What the exercise asks:
From the listing below, pull out all lines with "where" in them.
<<<<
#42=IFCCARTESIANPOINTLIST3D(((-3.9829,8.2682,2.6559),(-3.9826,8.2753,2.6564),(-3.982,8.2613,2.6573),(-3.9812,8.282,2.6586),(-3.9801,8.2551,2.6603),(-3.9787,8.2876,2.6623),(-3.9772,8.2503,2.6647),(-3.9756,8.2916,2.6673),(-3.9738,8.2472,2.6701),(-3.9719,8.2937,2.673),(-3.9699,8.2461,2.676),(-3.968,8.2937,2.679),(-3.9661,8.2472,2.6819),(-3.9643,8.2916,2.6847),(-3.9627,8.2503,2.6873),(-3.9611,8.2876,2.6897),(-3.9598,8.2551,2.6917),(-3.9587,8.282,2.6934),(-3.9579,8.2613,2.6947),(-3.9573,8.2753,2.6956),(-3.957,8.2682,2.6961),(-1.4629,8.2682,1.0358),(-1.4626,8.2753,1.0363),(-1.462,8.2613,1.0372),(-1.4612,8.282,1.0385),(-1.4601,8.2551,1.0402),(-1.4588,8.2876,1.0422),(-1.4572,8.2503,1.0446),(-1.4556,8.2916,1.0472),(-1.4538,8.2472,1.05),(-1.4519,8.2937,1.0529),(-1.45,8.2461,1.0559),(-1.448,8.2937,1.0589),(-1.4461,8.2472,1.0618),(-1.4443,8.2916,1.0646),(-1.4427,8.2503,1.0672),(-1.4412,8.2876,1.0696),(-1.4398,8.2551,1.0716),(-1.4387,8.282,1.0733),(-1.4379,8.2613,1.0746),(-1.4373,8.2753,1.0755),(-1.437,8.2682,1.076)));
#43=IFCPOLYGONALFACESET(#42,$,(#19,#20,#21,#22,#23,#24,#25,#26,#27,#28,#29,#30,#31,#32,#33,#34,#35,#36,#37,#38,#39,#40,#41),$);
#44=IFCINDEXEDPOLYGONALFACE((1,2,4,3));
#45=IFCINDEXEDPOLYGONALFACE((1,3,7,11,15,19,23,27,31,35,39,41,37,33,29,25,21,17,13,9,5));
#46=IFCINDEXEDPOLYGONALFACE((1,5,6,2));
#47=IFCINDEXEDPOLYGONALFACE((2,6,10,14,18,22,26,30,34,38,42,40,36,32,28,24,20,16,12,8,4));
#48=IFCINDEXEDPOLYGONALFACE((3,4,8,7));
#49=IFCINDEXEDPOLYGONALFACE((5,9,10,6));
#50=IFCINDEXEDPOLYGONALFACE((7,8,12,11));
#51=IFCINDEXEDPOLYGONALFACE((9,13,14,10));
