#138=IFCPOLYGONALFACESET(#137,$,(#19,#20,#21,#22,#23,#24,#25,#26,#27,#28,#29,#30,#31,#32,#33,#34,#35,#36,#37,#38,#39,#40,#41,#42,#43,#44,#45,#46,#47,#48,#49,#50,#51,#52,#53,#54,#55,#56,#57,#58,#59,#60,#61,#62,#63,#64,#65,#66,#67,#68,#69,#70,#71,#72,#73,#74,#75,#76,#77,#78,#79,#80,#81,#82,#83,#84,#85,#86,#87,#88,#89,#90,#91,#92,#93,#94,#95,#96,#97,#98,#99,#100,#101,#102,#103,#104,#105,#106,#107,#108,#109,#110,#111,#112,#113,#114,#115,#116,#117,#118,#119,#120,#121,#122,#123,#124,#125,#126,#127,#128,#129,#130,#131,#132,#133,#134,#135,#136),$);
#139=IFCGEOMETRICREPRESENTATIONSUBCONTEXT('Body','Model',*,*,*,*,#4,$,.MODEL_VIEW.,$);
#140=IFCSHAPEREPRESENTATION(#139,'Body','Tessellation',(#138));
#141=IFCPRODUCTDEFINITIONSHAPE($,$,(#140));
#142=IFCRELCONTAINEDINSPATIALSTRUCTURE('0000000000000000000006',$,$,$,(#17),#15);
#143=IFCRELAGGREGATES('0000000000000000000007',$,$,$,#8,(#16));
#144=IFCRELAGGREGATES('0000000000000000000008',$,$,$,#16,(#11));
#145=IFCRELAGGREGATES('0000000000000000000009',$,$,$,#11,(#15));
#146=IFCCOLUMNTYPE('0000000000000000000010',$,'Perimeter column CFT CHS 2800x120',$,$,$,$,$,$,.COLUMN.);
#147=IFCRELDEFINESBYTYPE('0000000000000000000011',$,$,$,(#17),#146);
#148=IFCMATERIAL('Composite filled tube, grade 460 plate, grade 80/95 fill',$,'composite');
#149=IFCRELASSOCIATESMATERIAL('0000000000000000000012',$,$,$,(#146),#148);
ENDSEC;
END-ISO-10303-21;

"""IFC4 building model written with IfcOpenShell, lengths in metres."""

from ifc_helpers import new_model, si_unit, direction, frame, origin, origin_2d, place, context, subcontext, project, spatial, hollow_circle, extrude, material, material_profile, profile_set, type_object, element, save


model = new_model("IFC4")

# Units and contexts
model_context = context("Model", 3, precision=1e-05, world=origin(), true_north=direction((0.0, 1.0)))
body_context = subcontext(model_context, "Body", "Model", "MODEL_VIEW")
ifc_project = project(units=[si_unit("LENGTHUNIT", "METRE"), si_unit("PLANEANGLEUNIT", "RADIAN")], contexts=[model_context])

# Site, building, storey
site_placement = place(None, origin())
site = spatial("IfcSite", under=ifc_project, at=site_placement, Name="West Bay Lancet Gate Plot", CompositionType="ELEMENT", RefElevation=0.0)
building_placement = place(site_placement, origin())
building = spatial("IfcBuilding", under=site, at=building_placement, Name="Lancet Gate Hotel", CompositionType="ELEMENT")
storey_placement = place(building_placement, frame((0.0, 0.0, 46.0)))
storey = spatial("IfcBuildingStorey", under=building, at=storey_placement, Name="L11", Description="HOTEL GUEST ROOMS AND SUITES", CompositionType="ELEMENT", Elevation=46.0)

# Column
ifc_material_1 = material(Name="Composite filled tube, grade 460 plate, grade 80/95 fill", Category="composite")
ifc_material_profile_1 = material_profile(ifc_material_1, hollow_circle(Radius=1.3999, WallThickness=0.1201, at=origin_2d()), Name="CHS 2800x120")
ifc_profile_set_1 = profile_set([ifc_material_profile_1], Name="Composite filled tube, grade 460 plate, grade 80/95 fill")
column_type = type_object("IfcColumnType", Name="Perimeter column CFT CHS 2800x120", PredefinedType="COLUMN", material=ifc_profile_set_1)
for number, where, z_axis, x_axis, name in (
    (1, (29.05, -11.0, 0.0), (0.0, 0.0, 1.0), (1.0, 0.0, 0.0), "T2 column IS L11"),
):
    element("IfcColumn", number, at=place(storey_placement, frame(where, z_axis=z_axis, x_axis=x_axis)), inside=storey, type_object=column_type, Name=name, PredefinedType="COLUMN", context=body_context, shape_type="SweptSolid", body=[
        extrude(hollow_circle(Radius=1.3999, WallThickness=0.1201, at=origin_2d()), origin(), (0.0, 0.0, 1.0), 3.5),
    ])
>>>>
Exercise answer:
for number, where, z_axis, x_axis, name in (
    element("IfcColumn", number, at=place(storey_placement, frame(where, z_axis=z_axis, x_axis=x_axis)), inside=storey, type_object=column_type, Name=name, PredefinedType="COLUMN", context=body_context, shape_type="SweptSolid", body=[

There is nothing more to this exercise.